# Exercise prompt
Below are the entries. Transcribe exactly the lines from the one with "#121=IFCPRODUCTDEFINITIONSHAPE($,$,(#120));" through the one with "#128=IFCINDEXEDPOLYGONALFACE((3,4,8,7));", ends included, and leave out all others.

# Materials provided
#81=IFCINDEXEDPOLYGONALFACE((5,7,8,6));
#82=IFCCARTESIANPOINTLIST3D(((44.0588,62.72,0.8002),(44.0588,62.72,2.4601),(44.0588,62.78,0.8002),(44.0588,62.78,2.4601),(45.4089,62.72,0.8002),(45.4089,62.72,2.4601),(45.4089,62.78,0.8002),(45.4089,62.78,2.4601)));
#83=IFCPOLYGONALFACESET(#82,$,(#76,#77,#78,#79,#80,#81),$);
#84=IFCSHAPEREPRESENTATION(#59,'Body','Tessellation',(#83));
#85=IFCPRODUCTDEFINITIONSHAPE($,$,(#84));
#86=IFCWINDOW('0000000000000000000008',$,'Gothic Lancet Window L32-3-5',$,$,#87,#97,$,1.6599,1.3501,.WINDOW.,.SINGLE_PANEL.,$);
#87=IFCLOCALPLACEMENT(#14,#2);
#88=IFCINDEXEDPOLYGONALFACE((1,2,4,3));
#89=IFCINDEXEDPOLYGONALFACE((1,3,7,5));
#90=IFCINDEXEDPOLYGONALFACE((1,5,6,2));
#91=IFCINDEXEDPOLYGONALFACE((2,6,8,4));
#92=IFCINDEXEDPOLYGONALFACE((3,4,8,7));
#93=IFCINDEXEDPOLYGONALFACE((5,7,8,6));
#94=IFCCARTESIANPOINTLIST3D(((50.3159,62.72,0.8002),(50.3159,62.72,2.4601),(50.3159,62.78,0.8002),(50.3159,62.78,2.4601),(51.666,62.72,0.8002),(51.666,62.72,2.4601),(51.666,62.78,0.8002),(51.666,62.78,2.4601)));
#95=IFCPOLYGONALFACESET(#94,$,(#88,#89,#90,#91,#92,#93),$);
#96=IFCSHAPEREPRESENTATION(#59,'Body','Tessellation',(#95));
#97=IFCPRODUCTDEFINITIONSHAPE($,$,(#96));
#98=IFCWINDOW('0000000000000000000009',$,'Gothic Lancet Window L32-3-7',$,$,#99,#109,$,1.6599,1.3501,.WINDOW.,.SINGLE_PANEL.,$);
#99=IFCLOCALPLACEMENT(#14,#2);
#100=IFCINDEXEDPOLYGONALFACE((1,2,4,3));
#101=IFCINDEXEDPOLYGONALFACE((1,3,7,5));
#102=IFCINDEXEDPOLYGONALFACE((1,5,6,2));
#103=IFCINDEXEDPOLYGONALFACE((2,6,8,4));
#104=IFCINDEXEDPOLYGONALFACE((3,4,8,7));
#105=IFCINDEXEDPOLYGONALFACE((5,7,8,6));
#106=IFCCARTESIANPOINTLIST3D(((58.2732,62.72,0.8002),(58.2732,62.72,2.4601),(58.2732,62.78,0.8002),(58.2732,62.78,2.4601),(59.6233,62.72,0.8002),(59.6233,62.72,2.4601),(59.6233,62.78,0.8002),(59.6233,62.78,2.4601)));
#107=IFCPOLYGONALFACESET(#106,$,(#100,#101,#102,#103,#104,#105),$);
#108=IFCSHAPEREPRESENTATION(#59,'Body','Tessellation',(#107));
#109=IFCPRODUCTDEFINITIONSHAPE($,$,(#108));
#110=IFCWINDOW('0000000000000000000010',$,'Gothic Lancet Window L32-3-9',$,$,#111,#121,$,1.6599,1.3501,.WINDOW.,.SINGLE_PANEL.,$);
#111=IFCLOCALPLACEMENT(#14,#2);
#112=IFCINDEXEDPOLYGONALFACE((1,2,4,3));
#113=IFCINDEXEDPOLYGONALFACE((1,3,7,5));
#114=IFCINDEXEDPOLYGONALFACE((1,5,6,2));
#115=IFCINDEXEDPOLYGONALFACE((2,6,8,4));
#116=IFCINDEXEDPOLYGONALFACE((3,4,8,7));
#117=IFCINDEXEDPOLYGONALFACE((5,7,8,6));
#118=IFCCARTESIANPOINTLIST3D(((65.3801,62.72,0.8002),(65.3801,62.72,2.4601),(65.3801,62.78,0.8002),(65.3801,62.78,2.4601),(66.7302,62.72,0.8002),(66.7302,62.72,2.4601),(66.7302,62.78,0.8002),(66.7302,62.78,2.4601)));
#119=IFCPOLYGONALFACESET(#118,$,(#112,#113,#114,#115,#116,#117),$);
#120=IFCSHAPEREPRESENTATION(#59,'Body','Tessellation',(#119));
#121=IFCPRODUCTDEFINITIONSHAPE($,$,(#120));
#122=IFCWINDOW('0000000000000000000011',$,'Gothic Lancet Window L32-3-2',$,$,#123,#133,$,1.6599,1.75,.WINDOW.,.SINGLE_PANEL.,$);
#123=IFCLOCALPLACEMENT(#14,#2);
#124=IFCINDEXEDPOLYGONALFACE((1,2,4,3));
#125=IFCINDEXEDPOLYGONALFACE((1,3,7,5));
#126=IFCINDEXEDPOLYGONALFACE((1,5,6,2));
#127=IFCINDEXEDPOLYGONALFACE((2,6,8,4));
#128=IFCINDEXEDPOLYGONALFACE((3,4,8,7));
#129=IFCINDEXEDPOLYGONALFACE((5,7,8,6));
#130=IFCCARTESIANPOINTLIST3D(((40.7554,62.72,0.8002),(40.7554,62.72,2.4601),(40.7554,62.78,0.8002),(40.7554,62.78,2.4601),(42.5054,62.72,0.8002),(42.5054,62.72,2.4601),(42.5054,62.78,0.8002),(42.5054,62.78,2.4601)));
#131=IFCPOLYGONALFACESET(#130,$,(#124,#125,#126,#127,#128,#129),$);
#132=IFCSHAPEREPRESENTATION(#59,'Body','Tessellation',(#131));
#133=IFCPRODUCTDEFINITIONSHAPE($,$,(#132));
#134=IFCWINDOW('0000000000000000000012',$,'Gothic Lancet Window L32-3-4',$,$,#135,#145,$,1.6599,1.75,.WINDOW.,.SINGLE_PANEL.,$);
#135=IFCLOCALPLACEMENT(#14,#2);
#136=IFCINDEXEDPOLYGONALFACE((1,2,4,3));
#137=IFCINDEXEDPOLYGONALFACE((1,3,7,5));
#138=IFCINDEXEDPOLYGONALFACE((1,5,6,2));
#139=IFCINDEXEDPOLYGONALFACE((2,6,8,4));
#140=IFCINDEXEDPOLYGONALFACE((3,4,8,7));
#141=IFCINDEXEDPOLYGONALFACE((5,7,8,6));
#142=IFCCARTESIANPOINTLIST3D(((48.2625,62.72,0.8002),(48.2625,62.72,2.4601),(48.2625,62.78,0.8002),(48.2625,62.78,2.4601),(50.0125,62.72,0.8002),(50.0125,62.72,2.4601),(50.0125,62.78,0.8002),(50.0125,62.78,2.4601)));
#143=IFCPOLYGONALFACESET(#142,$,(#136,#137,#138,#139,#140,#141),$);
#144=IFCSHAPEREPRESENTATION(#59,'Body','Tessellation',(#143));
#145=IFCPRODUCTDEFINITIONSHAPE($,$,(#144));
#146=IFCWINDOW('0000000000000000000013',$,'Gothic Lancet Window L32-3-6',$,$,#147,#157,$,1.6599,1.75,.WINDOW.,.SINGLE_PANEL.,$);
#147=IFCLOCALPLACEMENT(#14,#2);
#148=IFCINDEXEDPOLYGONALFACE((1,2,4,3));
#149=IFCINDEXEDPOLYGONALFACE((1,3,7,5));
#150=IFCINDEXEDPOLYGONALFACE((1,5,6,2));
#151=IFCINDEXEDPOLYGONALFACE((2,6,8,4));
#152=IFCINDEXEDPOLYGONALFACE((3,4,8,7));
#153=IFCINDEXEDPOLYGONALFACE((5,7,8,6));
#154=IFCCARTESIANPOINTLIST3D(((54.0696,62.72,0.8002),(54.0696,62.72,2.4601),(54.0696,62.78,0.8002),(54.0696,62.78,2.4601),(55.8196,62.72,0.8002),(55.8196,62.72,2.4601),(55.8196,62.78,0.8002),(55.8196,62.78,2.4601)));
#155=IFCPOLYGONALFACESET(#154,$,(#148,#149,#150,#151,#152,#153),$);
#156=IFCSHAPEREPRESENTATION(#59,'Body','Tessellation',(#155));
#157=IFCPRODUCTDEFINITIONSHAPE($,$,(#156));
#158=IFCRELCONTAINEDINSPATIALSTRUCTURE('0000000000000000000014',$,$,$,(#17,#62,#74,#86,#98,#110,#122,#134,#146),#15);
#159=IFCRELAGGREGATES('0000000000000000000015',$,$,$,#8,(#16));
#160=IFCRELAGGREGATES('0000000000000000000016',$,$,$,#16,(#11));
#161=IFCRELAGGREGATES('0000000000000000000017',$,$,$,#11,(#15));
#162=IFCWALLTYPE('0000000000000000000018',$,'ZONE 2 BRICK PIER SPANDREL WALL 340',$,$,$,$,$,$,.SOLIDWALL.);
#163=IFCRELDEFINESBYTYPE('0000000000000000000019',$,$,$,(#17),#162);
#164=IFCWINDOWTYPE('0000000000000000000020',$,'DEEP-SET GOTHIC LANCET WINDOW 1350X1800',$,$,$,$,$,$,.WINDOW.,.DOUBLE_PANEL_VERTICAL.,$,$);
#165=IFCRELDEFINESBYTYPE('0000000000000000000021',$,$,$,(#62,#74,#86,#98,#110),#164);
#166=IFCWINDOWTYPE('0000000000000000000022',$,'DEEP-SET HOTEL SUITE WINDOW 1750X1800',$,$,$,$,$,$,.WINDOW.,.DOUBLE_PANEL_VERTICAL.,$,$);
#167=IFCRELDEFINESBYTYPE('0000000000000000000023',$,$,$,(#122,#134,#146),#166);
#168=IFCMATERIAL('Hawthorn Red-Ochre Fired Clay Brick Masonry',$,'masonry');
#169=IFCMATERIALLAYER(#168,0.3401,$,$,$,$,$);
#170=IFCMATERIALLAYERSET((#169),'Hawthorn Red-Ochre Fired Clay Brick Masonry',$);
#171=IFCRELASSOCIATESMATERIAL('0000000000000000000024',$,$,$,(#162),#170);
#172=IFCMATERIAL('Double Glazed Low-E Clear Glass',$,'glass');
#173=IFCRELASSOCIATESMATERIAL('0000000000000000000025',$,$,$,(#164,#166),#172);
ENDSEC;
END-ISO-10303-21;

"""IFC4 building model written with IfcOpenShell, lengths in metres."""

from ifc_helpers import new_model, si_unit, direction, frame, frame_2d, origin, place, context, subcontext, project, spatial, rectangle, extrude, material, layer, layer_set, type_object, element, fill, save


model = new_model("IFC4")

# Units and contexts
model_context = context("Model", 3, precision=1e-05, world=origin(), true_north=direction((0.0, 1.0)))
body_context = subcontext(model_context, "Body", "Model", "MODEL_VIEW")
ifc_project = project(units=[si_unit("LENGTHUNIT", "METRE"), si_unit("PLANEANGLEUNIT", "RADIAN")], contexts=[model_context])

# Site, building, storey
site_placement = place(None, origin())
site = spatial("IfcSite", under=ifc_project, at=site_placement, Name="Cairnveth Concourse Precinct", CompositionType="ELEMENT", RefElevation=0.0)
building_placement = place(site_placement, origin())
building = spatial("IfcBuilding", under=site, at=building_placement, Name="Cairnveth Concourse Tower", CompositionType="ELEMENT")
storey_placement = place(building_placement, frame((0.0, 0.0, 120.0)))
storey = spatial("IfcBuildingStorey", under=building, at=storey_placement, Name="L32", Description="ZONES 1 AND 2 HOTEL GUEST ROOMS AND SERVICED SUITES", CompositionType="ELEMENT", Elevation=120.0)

# Solution
#121=IFCPRODUCTDEFINITIONSHAPE($,$,(#120));
#122=IFCWINDOW('0000000000000000000011',$,'Gothic Lancet Window L32-3-2',$,$,#123,#133,$,1.6599,1.75,.WINDOW.,.SINGLE_PANEL.,$);
#123=IFCLOCALPLACEMENT(#14,#2);
#124=IFCINDEXEDPOLYGONALFACE((1,2,4,3));
#125=IFCINDEXEDPOLYGONALFACE((1,3,7,5));
#126=IFCINDEXEDPOLYGONALFACE((1,5,6,2));
#127=IFCINDEXEDPOLYGONALFACE((2,6,8,4));
#128=IFCINDEXEDPOLYGONALFACE((3,4,8,7));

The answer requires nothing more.